To do -> The data below holds a line containing "Precast Concrete Facade" and a line containing "frame((2.0149, 0.0, 0.8)))"; please quote exactly those two lines and every line between them, and nothing else.

Collected data
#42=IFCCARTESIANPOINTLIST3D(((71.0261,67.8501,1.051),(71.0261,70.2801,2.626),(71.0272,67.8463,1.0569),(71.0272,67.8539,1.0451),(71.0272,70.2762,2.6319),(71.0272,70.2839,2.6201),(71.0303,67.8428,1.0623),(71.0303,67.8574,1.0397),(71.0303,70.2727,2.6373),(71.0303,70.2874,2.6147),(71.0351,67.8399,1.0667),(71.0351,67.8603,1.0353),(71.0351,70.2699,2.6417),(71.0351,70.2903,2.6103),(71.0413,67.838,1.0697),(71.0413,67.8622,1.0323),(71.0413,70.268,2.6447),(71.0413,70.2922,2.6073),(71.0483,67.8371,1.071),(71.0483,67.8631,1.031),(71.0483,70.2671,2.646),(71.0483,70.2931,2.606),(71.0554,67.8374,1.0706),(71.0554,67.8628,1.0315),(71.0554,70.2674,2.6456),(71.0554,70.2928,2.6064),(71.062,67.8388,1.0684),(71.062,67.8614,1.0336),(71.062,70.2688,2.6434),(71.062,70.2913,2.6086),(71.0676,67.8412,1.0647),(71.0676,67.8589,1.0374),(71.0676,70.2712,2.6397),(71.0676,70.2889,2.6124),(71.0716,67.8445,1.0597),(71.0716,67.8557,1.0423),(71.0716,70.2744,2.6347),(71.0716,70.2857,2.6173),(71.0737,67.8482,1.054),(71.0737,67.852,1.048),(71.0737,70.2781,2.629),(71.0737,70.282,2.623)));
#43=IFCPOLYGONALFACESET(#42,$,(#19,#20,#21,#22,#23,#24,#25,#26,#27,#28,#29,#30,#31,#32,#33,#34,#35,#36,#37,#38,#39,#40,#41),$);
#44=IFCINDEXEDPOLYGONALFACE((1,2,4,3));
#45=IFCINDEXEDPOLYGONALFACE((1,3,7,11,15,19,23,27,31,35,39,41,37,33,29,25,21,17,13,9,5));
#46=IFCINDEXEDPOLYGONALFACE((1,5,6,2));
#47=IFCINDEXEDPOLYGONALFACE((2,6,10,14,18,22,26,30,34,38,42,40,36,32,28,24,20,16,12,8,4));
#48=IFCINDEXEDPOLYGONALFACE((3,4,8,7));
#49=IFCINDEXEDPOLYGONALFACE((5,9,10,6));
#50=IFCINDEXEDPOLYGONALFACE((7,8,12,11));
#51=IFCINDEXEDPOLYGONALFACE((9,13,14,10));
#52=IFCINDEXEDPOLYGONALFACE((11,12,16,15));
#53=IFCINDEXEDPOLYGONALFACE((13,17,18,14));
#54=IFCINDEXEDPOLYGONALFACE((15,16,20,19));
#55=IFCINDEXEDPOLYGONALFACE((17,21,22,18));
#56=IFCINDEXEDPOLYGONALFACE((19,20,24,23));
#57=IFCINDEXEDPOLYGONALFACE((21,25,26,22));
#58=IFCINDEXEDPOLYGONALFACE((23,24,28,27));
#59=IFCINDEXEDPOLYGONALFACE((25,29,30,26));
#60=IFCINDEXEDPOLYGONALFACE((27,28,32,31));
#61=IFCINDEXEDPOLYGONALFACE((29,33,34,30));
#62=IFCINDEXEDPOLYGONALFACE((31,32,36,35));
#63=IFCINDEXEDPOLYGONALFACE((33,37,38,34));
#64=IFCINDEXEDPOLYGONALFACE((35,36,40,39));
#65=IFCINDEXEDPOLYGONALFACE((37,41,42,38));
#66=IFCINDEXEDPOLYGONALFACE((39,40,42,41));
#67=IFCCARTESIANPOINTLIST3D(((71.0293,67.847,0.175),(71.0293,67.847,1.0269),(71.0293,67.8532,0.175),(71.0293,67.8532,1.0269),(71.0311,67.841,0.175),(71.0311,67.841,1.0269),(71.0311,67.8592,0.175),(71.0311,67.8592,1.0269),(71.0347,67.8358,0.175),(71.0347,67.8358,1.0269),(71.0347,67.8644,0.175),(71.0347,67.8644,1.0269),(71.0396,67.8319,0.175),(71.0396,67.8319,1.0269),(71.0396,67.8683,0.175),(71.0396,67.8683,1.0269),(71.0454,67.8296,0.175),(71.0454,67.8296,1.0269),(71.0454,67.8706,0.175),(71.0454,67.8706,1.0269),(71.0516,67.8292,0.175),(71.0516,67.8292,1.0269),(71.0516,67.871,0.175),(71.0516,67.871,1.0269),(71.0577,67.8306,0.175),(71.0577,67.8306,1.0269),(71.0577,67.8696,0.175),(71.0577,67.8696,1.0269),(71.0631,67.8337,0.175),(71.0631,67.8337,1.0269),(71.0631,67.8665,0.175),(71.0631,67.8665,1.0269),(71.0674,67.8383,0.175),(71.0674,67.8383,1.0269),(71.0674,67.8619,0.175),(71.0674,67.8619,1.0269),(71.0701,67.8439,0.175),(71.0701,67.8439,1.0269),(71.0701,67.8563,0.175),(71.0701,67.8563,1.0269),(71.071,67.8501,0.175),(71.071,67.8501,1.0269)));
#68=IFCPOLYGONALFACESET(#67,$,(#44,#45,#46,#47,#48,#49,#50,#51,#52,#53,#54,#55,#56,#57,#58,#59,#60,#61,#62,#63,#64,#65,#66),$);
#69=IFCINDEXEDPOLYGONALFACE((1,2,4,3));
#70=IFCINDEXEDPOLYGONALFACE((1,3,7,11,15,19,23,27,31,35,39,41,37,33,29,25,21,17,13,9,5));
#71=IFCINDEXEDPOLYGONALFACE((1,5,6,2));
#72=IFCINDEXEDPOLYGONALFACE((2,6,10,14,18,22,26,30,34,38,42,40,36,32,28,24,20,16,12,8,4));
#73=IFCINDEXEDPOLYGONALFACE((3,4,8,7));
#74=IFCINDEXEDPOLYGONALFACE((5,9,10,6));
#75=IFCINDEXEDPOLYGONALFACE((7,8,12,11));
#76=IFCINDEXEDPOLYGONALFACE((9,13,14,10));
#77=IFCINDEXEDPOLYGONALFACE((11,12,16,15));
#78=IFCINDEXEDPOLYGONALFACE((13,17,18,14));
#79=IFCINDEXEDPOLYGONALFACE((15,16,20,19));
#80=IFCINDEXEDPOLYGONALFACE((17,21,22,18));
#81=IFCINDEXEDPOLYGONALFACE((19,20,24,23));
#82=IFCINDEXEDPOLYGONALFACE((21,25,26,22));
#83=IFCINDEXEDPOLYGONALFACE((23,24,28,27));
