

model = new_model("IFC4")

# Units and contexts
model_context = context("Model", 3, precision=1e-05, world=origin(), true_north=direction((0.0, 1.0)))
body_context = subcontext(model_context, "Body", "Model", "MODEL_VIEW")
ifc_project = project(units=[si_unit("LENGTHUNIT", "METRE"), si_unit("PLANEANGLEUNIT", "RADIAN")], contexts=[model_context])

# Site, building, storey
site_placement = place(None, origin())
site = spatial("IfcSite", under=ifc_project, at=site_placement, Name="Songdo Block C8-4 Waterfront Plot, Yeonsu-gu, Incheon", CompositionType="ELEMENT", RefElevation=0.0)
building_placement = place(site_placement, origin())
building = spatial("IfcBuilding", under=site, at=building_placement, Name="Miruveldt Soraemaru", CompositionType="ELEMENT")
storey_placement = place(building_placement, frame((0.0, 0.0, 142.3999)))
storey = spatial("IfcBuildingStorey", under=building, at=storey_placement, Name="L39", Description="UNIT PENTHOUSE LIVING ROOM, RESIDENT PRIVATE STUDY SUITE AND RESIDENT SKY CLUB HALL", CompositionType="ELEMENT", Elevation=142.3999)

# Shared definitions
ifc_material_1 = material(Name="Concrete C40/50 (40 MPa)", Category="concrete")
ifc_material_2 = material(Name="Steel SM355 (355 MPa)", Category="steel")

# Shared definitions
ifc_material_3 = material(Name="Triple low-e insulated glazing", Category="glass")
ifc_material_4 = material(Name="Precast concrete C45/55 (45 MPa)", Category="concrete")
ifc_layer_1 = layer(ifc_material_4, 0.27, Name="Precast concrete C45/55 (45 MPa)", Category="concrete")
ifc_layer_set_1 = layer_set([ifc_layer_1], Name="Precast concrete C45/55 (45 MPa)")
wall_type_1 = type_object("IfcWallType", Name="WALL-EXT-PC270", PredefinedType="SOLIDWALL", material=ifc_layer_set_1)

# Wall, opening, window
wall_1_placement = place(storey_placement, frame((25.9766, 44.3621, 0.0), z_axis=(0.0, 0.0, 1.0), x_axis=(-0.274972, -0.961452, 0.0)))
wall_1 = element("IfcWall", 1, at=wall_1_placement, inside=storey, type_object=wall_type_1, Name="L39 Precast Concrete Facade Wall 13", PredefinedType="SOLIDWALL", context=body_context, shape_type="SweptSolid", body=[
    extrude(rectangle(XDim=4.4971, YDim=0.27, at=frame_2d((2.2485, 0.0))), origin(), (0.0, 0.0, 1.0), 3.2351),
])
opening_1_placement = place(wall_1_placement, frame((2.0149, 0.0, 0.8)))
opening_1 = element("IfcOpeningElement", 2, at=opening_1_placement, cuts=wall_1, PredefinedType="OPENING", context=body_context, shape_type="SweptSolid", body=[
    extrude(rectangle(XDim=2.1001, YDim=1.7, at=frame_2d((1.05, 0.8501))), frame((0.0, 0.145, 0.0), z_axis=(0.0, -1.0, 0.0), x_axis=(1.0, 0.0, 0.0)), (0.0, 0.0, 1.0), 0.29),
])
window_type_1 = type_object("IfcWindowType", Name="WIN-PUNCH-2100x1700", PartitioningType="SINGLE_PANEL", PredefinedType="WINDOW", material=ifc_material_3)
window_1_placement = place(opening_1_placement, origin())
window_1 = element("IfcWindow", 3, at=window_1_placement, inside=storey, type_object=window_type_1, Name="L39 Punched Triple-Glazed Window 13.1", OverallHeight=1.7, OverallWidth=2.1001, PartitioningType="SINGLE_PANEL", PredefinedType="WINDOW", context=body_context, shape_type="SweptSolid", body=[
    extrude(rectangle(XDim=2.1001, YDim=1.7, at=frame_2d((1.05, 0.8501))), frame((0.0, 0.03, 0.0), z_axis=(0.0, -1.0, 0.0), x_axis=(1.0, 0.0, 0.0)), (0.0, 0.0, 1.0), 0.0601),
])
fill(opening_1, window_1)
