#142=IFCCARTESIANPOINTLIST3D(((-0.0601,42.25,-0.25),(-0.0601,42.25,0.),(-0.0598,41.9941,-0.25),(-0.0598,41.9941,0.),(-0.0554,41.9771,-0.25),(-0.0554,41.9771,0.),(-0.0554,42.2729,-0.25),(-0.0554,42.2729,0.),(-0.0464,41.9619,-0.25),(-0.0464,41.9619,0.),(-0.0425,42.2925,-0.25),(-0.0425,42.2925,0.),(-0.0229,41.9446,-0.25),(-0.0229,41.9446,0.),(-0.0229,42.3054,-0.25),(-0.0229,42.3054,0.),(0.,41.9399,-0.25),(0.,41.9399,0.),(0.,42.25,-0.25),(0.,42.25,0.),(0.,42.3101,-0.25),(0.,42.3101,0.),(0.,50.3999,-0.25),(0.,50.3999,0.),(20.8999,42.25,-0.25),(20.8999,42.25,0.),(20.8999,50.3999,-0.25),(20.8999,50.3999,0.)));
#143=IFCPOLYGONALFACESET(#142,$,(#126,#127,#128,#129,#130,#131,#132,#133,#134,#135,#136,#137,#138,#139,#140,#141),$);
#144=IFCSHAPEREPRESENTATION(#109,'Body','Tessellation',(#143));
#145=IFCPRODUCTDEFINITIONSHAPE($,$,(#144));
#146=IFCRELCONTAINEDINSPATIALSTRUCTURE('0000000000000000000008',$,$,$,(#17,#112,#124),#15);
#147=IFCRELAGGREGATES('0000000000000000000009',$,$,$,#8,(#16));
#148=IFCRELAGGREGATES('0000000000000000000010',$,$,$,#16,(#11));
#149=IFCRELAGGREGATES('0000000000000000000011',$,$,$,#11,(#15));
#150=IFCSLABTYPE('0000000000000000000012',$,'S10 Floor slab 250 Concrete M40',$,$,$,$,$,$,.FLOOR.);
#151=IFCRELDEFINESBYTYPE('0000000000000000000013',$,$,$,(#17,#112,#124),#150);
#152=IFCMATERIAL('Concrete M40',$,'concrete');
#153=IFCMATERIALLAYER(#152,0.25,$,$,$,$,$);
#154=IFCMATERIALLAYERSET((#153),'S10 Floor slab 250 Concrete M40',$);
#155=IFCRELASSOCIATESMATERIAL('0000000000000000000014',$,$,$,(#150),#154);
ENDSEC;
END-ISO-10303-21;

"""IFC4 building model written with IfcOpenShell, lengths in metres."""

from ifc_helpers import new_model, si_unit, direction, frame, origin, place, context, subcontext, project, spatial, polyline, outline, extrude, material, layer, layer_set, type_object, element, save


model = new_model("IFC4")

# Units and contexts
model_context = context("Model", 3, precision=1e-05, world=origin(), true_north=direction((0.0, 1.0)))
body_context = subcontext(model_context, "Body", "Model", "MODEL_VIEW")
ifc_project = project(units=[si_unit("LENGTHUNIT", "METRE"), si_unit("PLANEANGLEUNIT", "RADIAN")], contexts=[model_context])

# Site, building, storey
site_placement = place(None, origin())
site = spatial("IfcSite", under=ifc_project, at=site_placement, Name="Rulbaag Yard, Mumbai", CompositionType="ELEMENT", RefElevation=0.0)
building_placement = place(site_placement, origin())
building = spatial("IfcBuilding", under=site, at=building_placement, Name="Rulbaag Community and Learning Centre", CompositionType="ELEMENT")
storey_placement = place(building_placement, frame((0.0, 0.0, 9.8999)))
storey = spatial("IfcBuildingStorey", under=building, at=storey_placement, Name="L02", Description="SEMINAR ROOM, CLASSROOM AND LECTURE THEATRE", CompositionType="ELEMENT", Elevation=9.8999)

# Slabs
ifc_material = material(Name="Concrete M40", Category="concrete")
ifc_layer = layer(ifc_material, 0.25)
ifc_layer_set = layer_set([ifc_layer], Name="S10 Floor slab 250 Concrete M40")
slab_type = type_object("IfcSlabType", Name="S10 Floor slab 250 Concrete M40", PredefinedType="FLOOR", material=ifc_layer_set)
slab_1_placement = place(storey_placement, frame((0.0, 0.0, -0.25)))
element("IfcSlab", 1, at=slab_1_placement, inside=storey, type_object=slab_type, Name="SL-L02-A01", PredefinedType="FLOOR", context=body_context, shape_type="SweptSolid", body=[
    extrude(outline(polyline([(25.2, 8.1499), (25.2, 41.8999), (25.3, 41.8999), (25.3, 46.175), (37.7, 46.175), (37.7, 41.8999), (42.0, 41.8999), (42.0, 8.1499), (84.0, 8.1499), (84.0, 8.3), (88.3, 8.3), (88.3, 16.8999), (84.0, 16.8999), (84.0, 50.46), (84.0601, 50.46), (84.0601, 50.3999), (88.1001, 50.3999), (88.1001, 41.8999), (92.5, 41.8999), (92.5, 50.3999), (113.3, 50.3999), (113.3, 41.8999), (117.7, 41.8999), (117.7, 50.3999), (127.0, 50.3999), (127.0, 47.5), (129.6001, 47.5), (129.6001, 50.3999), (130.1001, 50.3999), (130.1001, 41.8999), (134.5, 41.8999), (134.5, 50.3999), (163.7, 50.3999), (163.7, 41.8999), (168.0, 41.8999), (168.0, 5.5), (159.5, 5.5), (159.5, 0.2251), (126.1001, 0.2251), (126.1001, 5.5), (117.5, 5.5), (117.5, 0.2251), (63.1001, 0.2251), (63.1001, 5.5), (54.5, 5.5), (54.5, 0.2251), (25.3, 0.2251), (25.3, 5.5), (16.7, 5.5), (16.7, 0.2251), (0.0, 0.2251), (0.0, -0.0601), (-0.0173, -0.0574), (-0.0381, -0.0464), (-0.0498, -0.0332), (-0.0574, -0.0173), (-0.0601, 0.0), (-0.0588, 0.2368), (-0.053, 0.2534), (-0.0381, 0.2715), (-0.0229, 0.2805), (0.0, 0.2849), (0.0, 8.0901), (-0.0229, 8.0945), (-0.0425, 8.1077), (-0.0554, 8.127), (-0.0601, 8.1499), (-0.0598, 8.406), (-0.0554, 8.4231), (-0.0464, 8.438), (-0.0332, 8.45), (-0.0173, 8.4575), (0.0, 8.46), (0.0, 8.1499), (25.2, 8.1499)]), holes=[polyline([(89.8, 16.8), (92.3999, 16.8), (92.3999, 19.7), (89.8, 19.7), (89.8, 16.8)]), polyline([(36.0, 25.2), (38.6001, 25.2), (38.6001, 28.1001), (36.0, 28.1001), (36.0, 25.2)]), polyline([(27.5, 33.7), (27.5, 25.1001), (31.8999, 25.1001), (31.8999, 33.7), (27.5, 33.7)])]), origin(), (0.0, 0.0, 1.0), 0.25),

Final answer ->
wall_1 = element("IfcWall", 1, at=wall_1_placement, inside=storey, type_object=wall_type_1, Name="L39 Precast Concrete Facade Wall 13", PredefinedType="SOLIDWALL", context=body_context, shape_type="SweptSolid", body=[
    extrude(rectangle(XDim=4.4971, YDim=0.27, at=frame_2d((2.2485, 0.0))), origin(), (0.0, 0.0, 1.0), 3.2351),
])
opening_1_placement = place(wall_1_placement, frame((2.0149, 0.0, 0.8)))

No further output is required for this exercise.